DATA IN THIS EXERCISE Start Marker
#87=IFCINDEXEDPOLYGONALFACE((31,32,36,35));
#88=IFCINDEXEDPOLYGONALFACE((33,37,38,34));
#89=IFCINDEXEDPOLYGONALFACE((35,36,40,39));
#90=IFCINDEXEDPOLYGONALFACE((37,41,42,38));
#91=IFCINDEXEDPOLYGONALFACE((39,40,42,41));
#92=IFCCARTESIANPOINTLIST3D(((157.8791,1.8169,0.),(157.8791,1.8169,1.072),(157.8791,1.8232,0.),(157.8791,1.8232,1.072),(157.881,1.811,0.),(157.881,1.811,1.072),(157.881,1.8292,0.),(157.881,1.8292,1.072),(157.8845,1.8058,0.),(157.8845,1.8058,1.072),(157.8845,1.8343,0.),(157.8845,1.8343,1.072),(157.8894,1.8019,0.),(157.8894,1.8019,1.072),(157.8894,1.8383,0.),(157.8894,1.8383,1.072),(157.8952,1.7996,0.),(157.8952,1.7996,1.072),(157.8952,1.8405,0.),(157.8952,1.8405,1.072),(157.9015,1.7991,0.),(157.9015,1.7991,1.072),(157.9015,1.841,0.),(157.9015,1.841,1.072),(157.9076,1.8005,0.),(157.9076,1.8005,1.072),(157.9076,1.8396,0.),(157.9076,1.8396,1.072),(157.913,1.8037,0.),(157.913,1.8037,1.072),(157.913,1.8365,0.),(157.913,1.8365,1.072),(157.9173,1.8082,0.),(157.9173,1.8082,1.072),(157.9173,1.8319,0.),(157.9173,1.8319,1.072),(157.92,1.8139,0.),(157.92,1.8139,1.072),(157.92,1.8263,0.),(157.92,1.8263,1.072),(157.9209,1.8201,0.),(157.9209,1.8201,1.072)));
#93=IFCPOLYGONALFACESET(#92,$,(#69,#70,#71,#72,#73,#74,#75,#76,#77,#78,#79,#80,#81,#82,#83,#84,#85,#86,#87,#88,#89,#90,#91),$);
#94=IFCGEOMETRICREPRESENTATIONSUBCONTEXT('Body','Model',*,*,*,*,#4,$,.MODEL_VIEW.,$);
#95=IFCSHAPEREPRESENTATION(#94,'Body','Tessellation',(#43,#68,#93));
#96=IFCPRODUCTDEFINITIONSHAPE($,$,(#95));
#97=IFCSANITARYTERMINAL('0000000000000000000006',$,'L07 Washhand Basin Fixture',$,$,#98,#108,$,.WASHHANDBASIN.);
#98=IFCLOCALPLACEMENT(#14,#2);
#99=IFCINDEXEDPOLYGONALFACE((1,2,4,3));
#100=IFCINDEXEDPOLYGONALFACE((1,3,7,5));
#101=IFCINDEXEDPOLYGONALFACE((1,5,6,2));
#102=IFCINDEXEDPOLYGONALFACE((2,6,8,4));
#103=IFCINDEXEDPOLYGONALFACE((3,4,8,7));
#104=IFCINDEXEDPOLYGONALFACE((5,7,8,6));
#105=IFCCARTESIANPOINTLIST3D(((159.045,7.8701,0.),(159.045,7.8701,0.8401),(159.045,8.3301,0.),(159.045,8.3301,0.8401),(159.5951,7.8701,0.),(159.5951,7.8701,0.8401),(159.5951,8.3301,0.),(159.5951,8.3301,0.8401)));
DATA IN THIS EXERCISE End Marker
TASK DIRECTIONS – Copy exactly, and only, the lines from the line containing "#96=IFCPRODUCTDEFINITIONSHAPE($,$,(#95));" to the end of the listing, with both ends included.

OUTPUT BELOW –
#96=IFCPRODUCTDEFINITIONSHAPE($,$,(#95));
#97=IFCSANITARYTERMINAL('0000000000000000000006',$,'L07 Washhand Basin Fixture',$,$,#98,#108,$,.WASHHANDBASIN.);
#98=IFCLOCALPLACEMENT(#14,#2);
#99=IFCINDEXEDPOLYGONALFACE((1,2,4,3));
#100=IFCINDEXEDPOLYGONALFACE((1,3,7,5));
#101=IFCINDEXEDPOLYGONALFACE((1,5,6,2));
#102=IFCINDEXEDPOLYGONALFACE((2,6,8,4));
#103=IFCINDEXEDPOLYGONALFACE((3,4,8,7));
#104=IFCINDEXEDPOLYGONALFACE((5,7,8,6));
#105=IFCCARTESIANPOINTLIST3D(((159.045,7.8701,0.),(159.045,7.8701,0.8401),(159.045,8.3301,0.),(159.045,8.3301,0.8401),(159.5951,7.8701,0.),(159.5951,7.8701,0.8401),(159.5951,8.3301,0.),(159.5951,8.3301,0.8401)));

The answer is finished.